| PROBLEM DETAILS |
Report the count of lines below that include "origin", without any other text.

| RECORDED DATA |
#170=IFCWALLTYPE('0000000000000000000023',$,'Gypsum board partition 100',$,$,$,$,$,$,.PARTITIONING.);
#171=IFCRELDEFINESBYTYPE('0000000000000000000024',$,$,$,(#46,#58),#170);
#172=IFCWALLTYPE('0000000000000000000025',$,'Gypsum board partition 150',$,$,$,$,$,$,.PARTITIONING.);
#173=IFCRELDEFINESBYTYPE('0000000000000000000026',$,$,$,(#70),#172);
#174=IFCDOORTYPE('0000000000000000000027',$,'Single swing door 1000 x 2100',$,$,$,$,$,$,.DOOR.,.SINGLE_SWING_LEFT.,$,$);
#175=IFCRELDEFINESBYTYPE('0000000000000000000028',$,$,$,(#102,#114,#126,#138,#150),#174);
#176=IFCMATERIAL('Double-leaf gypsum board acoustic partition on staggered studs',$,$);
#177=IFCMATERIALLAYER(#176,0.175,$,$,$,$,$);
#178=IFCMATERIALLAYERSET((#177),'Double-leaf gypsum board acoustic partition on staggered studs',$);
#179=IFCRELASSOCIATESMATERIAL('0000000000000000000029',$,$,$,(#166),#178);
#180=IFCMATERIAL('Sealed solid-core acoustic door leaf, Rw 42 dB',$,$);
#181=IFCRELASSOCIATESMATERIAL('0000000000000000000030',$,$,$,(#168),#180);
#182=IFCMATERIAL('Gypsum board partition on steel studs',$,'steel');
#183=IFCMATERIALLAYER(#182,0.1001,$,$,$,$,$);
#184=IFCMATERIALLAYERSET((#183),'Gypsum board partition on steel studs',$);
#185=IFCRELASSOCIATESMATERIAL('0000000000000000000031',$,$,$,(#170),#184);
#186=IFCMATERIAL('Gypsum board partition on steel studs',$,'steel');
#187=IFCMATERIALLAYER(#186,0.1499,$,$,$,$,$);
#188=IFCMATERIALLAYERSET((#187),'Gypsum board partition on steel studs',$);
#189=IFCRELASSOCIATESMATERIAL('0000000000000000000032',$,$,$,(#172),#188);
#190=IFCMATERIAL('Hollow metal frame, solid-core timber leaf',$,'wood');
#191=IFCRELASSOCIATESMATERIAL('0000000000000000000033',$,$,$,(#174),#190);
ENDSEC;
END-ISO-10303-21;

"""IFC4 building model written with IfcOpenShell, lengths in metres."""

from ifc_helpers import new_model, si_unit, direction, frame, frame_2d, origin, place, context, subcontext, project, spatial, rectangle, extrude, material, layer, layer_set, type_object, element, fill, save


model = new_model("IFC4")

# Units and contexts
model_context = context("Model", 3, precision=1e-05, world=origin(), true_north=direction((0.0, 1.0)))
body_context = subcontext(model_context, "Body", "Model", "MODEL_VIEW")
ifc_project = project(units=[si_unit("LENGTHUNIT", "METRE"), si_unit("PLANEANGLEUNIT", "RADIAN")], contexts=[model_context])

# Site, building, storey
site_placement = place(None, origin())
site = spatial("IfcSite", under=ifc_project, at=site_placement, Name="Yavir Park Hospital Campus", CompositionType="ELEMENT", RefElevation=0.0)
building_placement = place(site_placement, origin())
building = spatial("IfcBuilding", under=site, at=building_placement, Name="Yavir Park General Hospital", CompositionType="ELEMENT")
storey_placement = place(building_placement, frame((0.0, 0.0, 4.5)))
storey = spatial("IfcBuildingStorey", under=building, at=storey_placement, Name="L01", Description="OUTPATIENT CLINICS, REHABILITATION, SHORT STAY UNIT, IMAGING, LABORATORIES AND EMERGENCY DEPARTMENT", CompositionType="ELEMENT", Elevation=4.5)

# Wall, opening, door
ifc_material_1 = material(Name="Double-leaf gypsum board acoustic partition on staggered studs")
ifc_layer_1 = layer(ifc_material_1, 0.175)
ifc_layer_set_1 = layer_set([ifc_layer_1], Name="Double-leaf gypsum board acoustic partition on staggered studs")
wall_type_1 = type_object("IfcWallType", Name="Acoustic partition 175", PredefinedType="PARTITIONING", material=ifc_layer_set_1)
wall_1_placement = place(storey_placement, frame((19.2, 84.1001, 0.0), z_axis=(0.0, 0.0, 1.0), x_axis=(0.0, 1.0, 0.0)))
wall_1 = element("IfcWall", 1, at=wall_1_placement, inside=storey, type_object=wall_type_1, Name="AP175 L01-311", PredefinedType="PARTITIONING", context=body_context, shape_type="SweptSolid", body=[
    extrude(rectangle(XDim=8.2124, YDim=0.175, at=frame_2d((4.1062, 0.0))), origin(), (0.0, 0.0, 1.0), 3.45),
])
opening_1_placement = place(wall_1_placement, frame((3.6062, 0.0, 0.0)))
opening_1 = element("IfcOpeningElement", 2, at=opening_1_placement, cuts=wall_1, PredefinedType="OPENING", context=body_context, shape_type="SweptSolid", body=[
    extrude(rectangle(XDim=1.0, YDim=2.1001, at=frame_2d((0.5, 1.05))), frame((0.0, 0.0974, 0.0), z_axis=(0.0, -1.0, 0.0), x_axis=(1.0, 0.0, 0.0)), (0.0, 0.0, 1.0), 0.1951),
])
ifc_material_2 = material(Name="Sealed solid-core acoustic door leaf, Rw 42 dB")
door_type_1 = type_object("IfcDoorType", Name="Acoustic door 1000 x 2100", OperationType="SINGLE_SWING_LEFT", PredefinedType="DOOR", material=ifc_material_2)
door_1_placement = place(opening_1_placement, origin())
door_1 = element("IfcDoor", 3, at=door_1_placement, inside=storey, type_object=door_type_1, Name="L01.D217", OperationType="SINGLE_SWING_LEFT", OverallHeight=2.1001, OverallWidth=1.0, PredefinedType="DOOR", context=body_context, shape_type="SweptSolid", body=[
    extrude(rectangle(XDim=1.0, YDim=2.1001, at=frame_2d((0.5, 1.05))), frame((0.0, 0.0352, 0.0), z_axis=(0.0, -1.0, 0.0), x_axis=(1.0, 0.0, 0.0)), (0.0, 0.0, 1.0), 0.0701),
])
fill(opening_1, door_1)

| WRITTEN SOLUTION |
6